▶ _DATA FOR THIS TASK_

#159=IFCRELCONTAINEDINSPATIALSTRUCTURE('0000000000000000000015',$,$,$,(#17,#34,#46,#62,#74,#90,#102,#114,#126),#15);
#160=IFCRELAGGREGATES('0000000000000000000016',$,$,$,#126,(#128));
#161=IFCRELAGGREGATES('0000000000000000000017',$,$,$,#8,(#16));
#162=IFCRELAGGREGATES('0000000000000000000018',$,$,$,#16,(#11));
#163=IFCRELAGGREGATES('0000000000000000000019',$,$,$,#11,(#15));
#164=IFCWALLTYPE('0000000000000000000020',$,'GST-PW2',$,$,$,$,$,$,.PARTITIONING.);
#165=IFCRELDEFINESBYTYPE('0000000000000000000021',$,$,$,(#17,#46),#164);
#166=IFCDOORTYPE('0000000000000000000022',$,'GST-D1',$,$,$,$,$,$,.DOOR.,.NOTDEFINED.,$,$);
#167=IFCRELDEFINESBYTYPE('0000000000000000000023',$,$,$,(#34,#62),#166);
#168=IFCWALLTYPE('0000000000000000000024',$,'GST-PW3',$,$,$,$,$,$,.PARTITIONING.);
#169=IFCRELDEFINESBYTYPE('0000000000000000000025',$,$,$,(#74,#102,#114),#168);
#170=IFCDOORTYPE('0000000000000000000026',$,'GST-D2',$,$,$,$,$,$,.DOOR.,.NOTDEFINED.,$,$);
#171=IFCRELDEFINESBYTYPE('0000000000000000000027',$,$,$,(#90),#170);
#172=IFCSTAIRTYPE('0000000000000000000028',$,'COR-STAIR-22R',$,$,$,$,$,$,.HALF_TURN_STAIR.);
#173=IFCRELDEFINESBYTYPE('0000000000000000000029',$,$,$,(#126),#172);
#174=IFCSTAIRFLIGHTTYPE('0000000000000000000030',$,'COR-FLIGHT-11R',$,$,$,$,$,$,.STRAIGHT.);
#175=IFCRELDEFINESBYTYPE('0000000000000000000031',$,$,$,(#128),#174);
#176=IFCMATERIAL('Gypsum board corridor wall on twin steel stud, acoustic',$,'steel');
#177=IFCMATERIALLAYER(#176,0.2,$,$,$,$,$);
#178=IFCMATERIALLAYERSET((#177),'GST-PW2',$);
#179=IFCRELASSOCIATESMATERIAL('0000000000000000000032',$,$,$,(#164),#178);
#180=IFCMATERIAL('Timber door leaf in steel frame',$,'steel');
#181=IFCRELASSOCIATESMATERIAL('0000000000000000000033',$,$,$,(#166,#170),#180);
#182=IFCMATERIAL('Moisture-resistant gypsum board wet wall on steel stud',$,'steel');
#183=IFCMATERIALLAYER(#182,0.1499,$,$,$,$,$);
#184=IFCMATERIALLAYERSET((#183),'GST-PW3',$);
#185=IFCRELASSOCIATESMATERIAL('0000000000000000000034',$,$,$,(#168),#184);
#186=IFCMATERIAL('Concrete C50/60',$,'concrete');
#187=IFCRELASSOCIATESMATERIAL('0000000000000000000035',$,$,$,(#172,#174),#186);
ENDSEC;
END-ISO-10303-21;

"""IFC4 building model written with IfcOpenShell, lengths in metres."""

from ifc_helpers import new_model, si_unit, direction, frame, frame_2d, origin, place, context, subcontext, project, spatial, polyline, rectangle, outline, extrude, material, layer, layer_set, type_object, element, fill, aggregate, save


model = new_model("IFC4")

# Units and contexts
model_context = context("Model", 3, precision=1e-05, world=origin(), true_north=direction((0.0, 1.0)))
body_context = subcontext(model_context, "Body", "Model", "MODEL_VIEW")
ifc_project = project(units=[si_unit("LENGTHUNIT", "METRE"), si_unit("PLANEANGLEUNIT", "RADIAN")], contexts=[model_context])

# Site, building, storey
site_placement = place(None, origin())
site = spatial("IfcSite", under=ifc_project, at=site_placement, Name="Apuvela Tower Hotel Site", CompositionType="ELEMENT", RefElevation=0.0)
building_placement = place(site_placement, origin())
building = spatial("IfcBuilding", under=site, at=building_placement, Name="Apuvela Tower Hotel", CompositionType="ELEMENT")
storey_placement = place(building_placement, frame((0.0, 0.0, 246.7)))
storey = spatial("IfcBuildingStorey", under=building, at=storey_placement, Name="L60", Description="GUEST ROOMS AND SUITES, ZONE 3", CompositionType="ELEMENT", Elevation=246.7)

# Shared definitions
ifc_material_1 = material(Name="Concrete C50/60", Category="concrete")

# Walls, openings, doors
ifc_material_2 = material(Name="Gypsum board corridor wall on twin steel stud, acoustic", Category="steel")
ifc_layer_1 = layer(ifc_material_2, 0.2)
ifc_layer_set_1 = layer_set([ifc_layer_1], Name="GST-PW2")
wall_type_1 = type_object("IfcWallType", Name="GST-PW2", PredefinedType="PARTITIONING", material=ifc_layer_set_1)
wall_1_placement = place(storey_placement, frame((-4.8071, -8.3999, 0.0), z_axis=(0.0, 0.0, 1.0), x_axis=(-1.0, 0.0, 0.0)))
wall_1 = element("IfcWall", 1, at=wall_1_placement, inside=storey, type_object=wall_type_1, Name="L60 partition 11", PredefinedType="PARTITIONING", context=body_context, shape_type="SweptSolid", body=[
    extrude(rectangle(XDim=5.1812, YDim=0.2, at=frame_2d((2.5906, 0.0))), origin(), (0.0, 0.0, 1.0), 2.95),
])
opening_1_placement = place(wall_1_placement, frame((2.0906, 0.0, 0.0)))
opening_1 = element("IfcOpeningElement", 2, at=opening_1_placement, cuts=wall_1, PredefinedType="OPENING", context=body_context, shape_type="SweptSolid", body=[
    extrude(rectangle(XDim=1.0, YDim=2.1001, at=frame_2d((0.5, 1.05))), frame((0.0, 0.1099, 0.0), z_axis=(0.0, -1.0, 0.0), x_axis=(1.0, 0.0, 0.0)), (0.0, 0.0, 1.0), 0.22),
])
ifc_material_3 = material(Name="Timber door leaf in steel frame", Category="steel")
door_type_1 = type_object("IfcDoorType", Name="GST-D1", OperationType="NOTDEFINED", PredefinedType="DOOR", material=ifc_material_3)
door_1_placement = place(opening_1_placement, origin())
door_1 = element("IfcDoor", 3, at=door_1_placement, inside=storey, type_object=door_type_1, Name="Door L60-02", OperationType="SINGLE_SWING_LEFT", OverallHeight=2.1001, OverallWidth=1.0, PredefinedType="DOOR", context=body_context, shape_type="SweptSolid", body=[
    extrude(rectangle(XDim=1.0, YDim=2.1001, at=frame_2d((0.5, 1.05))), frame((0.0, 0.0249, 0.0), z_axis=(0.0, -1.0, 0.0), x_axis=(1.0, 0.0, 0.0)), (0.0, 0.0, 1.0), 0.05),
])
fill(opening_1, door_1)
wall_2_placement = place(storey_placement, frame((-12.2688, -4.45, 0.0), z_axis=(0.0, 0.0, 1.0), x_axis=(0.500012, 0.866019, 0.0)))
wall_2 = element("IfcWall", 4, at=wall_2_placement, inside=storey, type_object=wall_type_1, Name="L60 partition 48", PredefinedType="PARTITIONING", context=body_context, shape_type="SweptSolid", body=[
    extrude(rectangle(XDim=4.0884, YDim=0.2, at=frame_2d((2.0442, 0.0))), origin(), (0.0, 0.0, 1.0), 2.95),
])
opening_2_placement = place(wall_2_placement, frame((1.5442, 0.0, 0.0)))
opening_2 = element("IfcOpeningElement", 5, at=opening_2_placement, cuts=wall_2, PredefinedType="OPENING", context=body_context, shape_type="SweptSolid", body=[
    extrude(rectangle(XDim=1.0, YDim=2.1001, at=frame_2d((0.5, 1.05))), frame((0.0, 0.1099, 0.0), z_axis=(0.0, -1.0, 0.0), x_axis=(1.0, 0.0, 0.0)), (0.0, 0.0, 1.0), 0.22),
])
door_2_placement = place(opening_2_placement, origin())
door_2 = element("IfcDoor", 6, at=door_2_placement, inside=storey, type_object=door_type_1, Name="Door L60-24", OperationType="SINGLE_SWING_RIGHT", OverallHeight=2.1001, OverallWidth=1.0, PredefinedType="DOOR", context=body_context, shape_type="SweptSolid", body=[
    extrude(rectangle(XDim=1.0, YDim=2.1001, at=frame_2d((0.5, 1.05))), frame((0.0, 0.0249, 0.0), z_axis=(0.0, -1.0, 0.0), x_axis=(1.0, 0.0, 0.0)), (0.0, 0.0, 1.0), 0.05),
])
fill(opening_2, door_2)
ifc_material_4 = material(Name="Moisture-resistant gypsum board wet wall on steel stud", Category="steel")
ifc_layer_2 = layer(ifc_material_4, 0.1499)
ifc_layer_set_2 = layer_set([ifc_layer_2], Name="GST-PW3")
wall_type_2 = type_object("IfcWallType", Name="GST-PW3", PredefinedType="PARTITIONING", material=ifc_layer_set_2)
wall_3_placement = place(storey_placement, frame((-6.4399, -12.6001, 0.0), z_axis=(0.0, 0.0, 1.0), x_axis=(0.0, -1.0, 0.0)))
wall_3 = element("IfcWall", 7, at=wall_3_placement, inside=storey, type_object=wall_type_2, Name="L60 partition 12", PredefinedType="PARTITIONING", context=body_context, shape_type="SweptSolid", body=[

==

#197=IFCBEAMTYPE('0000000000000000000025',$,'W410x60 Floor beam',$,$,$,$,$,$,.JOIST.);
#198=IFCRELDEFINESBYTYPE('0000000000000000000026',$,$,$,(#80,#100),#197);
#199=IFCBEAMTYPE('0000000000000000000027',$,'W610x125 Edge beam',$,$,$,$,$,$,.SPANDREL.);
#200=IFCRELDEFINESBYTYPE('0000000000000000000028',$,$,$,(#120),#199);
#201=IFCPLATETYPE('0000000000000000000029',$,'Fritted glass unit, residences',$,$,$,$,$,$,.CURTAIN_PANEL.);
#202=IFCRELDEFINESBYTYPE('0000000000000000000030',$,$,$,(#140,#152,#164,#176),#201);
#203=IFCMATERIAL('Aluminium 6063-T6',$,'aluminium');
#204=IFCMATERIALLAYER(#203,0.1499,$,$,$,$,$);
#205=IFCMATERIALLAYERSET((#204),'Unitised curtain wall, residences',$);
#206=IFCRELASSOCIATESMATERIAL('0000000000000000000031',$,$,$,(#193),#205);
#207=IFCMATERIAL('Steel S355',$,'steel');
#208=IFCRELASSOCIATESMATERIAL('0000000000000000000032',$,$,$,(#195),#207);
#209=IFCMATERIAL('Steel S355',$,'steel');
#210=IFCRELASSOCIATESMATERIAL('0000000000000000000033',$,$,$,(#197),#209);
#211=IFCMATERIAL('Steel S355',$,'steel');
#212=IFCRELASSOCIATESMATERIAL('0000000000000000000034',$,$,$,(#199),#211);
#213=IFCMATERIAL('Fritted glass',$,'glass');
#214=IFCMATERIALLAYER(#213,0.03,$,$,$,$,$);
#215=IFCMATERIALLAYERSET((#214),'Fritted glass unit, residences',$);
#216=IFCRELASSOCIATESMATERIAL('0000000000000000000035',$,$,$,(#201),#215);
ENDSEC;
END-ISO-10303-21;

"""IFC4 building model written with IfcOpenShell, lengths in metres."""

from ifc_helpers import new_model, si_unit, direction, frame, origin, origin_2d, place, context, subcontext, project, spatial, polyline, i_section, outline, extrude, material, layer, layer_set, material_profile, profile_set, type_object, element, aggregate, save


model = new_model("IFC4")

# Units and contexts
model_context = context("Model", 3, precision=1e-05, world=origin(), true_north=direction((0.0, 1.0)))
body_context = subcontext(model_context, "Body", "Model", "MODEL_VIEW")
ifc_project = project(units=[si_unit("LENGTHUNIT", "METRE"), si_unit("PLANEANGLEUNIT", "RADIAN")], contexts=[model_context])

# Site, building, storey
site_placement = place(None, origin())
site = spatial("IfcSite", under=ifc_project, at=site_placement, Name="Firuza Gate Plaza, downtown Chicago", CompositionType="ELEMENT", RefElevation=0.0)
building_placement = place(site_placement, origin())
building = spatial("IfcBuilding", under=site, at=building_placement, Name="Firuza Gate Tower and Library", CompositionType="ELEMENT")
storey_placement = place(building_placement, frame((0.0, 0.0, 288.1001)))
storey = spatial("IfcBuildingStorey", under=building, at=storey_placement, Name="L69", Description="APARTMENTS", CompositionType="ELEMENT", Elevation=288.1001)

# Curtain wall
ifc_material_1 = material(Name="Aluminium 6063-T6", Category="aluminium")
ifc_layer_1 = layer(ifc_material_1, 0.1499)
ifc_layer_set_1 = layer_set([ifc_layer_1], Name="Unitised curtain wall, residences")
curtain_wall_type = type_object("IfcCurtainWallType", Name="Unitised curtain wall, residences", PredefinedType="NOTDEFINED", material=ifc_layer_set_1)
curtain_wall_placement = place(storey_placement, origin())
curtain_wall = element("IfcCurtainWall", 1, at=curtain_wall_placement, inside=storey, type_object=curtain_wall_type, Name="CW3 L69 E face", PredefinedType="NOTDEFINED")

▶ _WHAT NEEDS TO BE DONE_
With the line that has "#186=IFCMATERIAL('Concrete C50/60',$,'concrete');" as the first and the line that has "# Walls, openings, doors" as the last, repeat exactly that run of lines above and no more.

▶ _SOLVED EXERCISE_
#186=IFCMATERIAL('Concrete C50/60',$,'concrete');
#187=IFCRELASSOCIATESMATERIAL('0000000000000000000035',$,$,$,(#172,#174),#186);
ENDSEC;
END-ISO-10303-21;

"""IFC4 building model written with IfcOpenShell, lengths in metres."""

from ifc_helpers import new_model, si_unit, direction, frame, frame_2d, origin, place, context, subcontext, project, spatial, polyline, rectangle, outline, extrude, material, layer, layer_set, type_object, element, fill, aggregate, save


model = new_model("IFC4")

# Units and contexts
model_context = context("Model", 3, precision=1e-05, world=origin(), true_north=direction((0.0, 1.0)))
body_context = subcontext(model_context, "Body", "Model", "MODEL_VIEW")
ifc_project = project(units=[si_unit("LENGTHUNIT", "METRE"), si_unit("PLANEANGLEUNIT", "RADIAN")], contexts=[model_context])

# Site, building, storey
site_placement = place(None, origin())
site = spatial("IfcSite", under=ifc_project, at=site_placement, Name="Apuvela Tower Hotel Site", CompositionType="ELEMENT", RefElevation=0.0)
building_placement = place(site_placement, origin())
building = spatial("IfcBuilding", under=site, at=building_placement, Name="Apuvela Tower Hotel", CompositionType="ELEMENT")
storey_placement = place(building_placement, frame((0.0, 0.0, 246.7)))
storey = spatial("IfcBuildingStorey", under=building, at=storey_placement, Name="L60", Description="GUEST ROOMS AND SUITES, ZONE 3", CompositionType="ELEMENT", Elevation=246.7)

# Shared definitions
ifc_material_1 = material(Name="Concrete C50/60", Category="concrete")

# Walls, openings, doors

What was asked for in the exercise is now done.